EXERCISE PROMPT: The records below need to be copied in full. Match them exactly.

PROVIDED INFORMATION:
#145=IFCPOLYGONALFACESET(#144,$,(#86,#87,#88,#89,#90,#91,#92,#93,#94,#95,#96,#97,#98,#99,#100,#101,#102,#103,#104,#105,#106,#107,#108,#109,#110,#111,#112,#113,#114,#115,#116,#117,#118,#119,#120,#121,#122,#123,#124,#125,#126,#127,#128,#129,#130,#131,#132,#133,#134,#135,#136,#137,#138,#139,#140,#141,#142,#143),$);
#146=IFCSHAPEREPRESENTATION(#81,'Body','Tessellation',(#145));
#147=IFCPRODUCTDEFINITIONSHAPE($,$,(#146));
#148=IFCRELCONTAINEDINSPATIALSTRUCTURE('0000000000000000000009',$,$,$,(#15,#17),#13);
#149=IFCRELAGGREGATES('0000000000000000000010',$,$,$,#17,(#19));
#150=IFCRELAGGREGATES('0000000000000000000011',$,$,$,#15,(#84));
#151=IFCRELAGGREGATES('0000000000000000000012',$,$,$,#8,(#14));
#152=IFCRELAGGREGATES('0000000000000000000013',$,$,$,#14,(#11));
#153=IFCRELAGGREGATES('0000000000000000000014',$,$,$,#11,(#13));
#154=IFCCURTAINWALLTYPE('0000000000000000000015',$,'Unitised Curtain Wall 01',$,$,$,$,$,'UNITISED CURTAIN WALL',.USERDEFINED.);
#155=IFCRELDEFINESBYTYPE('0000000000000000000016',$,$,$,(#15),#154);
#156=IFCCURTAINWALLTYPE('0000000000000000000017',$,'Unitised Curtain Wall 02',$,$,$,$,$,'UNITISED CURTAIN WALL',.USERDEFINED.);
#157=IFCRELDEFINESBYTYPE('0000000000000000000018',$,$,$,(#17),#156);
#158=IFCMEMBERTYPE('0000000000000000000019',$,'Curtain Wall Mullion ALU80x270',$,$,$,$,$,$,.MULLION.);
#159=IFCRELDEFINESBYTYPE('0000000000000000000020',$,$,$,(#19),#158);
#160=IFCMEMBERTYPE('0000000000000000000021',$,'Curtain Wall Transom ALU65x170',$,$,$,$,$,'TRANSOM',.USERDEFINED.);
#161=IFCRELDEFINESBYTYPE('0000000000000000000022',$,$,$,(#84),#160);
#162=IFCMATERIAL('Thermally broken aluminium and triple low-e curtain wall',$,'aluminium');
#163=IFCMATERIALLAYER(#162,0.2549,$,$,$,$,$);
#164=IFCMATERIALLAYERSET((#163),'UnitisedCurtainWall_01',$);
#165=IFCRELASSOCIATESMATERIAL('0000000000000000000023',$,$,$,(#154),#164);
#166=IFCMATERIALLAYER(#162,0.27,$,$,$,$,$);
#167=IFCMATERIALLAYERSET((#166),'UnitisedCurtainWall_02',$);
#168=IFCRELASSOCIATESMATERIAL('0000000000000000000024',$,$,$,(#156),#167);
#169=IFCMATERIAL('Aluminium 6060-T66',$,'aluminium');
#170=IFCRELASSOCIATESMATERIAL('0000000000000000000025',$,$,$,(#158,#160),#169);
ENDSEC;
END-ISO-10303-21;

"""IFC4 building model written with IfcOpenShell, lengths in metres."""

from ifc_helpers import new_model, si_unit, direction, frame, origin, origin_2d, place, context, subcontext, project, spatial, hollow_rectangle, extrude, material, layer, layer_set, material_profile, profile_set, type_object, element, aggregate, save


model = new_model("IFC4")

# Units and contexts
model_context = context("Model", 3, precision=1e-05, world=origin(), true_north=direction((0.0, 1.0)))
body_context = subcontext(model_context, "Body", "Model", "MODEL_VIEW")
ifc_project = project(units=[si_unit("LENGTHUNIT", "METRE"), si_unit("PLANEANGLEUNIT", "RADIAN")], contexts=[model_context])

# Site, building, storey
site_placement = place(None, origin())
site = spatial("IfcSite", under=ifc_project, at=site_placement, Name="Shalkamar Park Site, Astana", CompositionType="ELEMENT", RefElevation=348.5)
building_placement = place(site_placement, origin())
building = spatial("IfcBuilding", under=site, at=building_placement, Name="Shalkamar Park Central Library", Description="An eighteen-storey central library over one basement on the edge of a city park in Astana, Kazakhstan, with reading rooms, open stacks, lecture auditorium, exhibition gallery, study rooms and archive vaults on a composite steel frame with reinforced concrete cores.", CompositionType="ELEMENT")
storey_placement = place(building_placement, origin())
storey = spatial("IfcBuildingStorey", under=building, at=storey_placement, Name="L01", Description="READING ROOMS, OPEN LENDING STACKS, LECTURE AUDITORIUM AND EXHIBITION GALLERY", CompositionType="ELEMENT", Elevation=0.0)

EXERCISE RESULT:
#145=IFCPOLYGONALFACESET(#144,$,(#86,#87,#88,#89,#90,#91,#92,#93,#94,#95,#96,#97,#98,#99,#100,#101,#102,#103,#104,#105,#106,#107,#108,#109,#110,#111,#112,#113,#114,#115,#116,#117,#118,#119,#120,#121,#122,#123,#124,#125,#126,#127,#128,#129,#130,#131,#132,#133,#134,#135,#136,#137,#138,#139,#140,#141,#142,#143),$);
#146=IFCSHAPEREPRESENTATION(#81,'Body','Tessellation',(#145));
#147=IFCPRODUCTDEFINITIONSHAPE($,$,(#146));
#148=IFCRELCONTAINEDINSPATIALSTRUCTURE('0000000000000000000009',$,$,$,(#15,#17),#13);
#149=IFCRELAGGREGATES('0000000000000000000010',$,$,$,#17,(#19));
#150=IFCRELAGGREGATES('0000000000000000000011',$,$,$,#15,(#84));
#151=IFCRELAGGREGATES('0000000000000000000012',$,$,$,#8,(#14));
#152=IFCRELAGGREGATES('0000000000000000000013',$,$,$,#14,(#11));
#153=IFCRELAGGREGATES('0000000000000000000014',$,$,$,#11,(#13));
#154=IFCCURTAINWALLTYPE('0000000000000000000015',$,'Unitised Curtain Wall 01',$,$,$,$,$,'UNITISED CURTAIN WALL',.USERDEFINED.);
#155=IFCRELDEFINESBYTYPE('0000000000000000000016',$,$,$,(#15),#154);
#156=IFCCURTAINWALLTYPE('0000000000000000000017',$,'Unitised Curtain Wall 02',$,$,$,$,$,'UNITISED CURTAIN WALL',.USERDEFINED.);
#157=IFCRELDEFINESBYTYPE('0000000000000000000018',$,$,$,(#17),#156);
#158=IFCMEMBERTYPE('0000000000000000000019',$,'Curtain Wall Mullion ALU80x270',$,$,$,$,$,$,.MULLION.);
#159=IFCRELDEFINESBYTYPE('0000000000000000000020',$,$,$,(#19),#158);
#160=IFCMEMBERTYPE('0000000000000000000021',$,'Curtain Wall Transom ALU65x170',$,$,$,$,$,'TRANSOM',.USERDEFINED.);
#161=IFCRELDEFINESBYTYPE('0000000000000000000022',$,$,$,(#84),#160);
#162=IFCMATERIAL('Thermally broken aluminium and triple low-e curtain wall',$,'aluminium');
#163=IFCMATERIALLAYER(#162,0.2549,$,$,$,$,$);
#164=IFCMATERIALLAYERSET((#163),'UnitisedCurtainWall_01',$);
#165=IFCRELASSOCIATESMATERIAL('0000000000000000000023',$,$,$,(#154),#164);
#166=IFCMATERIALLAYER(#162,0.27,$,$,$,$,$);
#167=IFCMATERIALLAYERSET((#166),'UnitisedCurtainWall_02',$);
#168=IFCRELASSOCIATESMATERIAL('0000000000000000000024',$,$,$,(#156),#167);
#169=IFCMATERIAL('Aluminium 6060-T66',$,'aluminium');
#170=IFCRELASSOCIATESMATERIAL('0000000000000000000025',$,$,$,(#158,#160),#169);
ENDSEC;
END-ISO-10303-21;

"""IFC4 building model written with IfcOpenShell, lengths in metres."""

from ifc_helpers import new_model, si_unit, direction, frame, origin, origin_2d, place, context, subcontext, project, spatial, hollow_rectangle, extrude, material, layer, layer_set, material_profile, profile_set, type_object, element, aggregate, save


model = new_model("IFC4")

# Units and contexts
model_context = context("Model", 3, precision=1e-05, world=origin(), true_north=direction((0.0, 1.0)))
body_context = subcontext(model_context, "Body", "Model", "MODEL_VIEW")
ifc_project = project(units=[si_unit("LENGTHUNIT", "METRE"), si_unit("PLANEANGLEUNIT", "RADIAN")], contexts=[model_context])

# Site, building, storey
site_placement = place(None, origin())
site = spatial("IfcSite", under=ifc_project, at=site_placement, Name="Shalkamar Park Site, Astana", CompositionType="ELEMENT", RefElevation=348.5)
building_placement = place(site_placement, origin())
building = spatial("IfcBuilding", under=site, at=building_placement, Name="Shalkamar Park Central Library", Description="An eighteen-storey central library over one basement on the edge of a city park in Astana, Kazakhstan, with reading rooms, open stacks, lecture auditorium, exhibition gallery, study rooms and archive vaults on a composite steel frame with reinforced concrete cores.", CompositionType="ELEMENT")
storey_placement = place(building_placement, origin())
storey = spatial("IfcBuildingStorey", under=building, at=storey_placement, Name="L01", Description="READING ROOMS, OPEN LENDING STACKS, LECTURE AUDITORIUM AND EXHIBITION GALLERY", CompositionType="ELEMENT", Elevation=0.0)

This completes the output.